Find the string "board" in the data, then copy every line where it is found.

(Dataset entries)

*** Block opens ***

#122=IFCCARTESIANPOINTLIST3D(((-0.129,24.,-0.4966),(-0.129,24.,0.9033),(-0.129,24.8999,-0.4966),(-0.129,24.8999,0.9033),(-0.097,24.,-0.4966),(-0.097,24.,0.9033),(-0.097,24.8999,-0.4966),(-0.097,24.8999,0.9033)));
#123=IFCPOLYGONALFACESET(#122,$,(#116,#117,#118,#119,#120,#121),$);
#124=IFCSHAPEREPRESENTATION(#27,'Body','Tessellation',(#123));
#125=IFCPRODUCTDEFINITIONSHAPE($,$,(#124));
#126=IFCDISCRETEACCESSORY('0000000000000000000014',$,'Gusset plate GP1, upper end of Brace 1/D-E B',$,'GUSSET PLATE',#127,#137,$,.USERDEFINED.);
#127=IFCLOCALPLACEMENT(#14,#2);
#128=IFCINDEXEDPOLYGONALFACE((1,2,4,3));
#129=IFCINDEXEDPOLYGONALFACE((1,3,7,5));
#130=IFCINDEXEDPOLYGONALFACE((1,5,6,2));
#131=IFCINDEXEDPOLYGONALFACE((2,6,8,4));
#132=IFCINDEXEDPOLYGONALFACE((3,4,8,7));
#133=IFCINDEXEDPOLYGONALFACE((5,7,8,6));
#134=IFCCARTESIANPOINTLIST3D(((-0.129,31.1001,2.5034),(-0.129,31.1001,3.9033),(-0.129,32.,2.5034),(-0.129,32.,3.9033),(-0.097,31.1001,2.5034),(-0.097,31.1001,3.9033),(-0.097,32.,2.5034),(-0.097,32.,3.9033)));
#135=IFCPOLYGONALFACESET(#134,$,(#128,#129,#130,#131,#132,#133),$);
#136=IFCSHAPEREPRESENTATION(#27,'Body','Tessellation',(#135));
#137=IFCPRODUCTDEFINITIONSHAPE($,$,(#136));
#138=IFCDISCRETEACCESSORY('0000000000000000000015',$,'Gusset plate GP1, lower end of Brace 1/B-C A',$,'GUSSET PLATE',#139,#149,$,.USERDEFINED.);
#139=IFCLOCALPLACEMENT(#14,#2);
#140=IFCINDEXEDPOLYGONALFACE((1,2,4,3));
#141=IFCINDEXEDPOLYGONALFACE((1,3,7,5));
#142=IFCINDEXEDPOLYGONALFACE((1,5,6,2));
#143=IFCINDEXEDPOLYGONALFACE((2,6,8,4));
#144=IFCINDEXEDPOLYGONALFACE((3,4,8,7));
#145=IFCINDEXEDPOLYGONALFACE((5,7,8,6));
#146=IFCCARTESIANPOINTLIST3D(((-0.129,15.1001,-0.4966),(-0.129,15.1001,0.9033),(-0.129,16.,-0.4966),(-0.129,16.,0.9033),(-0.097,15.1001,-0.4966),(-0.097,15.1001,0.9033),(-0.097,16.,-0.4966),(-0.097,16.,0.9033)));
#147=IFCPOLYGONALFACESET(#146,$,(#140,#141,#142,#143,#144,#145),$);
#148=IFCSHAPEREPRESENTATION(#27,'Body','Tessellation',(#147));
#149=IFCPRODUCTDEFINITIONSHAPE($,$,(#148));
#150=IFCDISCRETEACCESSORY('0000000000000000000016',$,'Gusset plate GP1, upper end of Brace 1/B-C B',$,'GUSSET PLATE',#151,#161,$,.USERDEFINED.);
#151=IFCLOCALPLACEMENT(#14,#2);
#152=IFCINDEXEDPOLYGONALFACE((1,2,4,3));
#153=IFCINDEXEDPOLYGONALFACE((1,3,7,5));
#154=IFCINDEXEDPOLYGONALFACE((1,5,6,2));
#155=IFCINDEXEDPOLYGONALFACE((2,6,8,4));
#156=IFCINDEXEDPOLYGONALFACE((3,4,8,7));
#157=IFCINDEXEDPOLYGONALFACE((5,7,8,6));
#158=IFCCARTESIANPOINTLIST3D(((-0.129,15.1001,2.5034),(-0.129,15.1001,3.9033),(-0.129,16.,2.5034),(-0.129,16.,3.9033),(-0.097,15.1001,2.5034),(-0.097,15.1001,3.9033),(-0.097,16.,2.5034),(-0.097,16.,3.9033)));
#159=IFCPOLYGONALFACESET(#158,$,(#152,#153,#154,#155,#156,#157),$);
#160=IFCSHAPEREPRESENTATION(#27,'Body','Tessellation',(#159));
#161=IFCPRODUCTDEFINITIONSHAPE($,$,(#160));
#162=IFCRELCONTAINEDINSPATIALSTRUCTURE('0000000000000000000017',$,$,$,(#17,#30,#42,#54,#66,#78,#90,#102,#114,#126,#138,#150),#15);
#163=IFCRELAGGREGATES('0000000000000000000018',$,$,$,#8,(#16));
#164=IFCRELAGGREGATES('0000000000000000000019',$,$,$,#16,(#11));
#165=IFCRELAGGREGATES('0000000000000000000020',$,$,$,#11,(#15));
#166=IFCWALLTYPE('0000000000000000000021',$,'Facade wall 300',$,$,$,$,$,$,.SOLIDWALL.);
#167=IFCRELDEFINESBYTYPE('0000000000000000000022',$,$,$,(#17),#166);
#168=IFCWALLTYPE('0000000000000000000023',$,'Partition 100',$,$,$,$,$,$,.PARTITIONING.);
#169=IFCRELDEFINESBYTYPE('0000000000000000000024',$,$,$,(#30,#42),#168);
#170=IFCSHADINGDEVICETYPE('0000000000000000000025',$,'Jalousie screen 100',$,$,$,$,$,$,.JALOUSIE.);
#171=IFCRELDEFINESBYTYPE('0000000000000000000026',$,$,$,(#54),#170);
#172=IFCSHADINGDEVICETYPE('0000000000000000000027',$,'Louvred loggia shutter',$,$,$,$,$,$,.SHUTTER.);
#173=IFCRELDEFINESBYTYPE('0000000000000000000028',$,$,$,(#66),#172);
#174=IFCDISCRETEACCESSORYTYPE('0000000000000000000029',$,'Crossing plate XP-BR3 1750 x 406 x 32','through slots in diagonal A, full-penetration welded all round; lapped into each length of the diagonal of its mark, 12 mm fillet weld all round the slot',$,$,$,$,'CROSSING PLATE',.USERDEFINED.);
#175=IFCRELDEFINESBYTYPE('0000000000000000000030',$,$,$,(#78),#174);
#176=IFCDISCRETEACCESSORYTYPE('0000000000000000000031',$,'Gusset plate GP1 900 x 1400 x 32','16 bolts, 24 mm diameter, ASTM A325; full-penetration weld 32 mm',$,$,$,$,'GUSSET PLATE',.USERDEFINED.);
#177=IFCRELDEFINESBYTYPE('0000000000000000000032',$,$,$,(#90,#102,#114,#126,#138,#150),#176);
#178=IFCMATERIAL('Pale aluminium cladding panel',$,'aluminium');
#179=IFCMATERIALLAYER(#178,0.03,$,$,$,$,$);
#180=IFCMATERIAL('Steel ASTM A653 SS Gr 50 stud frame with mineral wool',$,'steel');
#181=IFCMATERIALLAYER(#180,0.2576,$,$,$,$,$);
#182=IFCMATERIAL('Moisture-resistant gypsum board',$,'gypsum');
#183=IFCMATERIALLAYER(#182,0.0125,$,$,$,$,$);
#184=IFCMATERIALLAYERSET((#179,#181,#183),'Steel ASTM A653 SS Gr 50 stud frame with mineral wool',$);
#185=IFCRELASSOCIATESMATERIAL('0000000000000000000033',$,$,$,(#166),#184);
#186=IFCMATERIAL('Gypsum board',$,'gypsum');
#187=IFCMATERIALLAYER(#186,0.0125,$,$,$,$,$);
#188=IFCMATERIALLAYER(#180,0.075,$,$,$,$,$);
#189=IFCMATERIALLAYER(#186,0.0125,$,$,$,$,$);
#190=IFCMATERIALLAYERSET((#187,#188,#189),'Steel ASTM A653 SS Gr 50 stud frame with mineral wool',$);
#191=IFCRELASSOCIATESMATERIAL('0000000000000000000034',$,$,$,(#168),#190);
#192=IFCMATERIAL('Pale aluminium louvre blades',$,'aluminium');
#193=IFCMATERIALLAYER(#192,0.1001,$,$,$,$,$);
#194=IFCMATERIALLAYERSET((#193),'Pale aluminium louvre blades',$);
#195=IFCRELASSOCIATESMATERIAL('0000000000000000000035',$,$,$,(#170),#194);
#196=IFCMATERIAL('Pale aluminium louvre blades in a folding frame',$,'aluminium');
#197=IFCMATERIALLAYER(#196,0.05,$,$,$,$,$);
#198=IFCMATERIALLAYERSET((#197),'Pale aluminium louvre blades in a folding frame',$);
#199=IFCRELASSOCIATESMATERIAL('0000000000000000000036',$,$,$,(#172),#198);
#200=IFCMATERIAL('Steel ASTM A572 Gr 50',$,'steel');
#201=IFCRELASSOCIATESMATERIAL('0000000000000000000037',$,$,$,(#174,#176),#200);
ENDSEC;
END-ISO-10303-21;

*** Block closes ***

:: Solution to this exercise ::
#182=IFCMATERIAL('Moisture-resistant gypsum board',$,'gypsum');
#186=IFCMATERIAL('Gypsum board',$,'gypsum');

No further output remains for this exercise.